Starting with the line that contains "#75=IFCINDEXEDPOLYGONALFACE((5,7,8,6));", copy out each line through the end of the entries below, exactly as written, and nothing else.

[Records excerpted from a collection]
------------------------------------------------------------

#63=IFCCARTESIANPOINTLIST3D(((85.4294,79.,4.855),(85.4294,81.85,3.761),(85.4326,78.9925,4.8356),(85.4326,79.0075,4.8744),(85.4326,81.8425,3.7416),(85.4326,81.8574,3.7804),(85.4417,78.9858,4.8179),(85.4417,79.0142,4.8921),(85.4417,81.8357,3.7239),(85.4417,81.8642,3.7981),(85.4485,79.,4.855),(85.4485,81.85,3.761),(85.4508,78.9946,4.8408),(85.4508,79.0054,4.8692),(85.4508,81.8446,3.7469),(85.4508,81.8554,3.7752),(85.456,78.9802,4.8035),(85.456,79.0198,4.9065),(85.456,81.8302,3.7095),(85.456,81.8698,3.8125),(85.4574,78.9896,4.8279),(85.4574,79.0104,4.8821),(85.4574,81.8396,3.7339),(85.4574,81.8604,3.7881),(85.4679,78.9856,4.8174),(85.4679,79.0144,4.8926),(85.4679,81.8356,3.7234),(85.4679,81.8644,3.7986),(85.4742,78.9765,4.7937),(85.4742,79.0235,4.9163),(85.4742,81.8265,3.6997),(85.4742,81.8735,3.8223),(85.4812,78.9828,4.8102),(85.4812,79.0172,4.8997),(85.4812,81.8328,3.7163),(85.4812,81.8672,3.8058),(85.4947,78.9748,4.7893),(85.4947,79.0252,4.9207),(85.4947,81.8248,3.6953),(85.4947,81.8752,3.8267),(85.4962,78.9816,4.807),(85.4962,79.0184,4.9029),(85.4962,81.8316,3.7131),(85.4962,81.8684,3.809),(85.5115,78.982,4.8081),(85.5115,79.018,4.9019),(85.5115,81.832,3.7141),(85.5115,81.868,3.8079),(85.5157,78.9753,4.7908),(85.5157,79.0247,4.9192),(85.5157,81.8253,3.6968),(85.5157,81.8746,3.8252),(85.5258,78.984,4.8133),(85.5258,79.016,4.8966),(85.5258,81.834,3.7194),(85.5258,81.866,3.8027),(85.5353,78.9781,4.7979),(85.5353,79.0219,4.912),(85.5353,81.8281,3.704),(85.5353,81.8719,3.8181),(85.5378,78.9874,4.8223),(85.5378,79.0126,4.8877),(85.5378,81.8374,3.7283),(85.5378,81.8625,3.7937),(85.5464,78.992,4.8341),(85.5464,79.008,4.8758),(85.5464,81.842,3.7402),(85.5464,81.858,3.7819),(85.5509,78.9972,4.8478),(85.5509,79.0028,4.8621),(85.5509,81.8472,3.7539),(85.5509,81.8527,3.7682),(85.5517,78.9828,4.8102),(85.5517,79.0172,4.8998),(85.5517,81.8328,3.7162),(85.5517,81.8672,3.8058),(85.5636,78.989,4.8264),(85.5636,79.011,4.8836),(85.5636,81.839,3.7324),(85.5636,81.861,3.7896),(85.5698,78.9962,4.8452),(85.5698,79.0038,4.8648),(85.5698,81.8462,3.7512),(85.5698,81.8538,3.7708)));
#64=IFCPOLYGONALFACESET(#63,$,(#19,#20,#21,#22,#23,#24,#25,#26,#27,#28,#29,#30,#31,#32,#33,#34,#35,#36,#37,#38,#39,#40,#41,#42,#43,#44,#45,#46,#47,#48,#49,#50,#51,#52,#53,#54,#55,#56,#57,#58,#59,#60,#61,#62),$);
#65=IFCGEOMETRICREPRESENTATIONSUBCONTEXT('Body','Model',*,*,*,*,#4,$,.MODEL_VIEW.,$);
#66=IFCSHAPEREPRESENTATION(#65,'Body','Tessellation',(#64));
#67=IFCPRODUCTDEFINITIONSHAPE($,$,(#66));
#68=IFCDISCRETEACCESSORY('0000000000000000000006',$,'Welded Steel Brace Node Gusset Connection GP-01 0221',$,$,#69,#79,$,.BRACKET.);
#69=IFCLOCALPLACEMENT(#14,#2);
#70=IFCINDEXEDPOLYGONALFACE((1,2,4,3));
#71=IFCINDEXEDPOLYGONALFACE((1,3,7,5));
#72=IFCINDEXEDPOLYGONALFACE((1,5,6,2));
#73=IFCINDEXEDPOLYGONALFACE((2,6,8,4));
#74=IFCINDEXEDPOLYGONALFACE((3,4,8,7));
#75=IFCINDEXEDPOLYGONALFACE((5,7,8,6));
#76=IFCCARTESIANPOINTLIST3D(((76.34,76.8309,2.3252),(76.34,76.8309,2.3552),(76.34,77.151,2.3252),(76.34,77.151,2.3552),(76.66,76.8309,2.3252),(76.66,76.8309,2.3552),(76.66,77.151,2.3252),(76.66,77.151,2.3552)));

------------------------------------------------------------

▸ **YOUR SOLUTION**:
#75=IFCINDEXEDPOLYGONALFACE((5,7,8,6));
#76=IFCCARTESIANPOINTLIST3D(((76.34,76.8309,2.3252),(76.34,76.8309,2.3552),(76.34,77.151,2.3252),(76.34,77.151,2.3552),(76.66,76.8309,2.3252),(76.66,76.8309,2.3552),(76.66,77.151,2.3252),(76.66,77.151,2.3552)));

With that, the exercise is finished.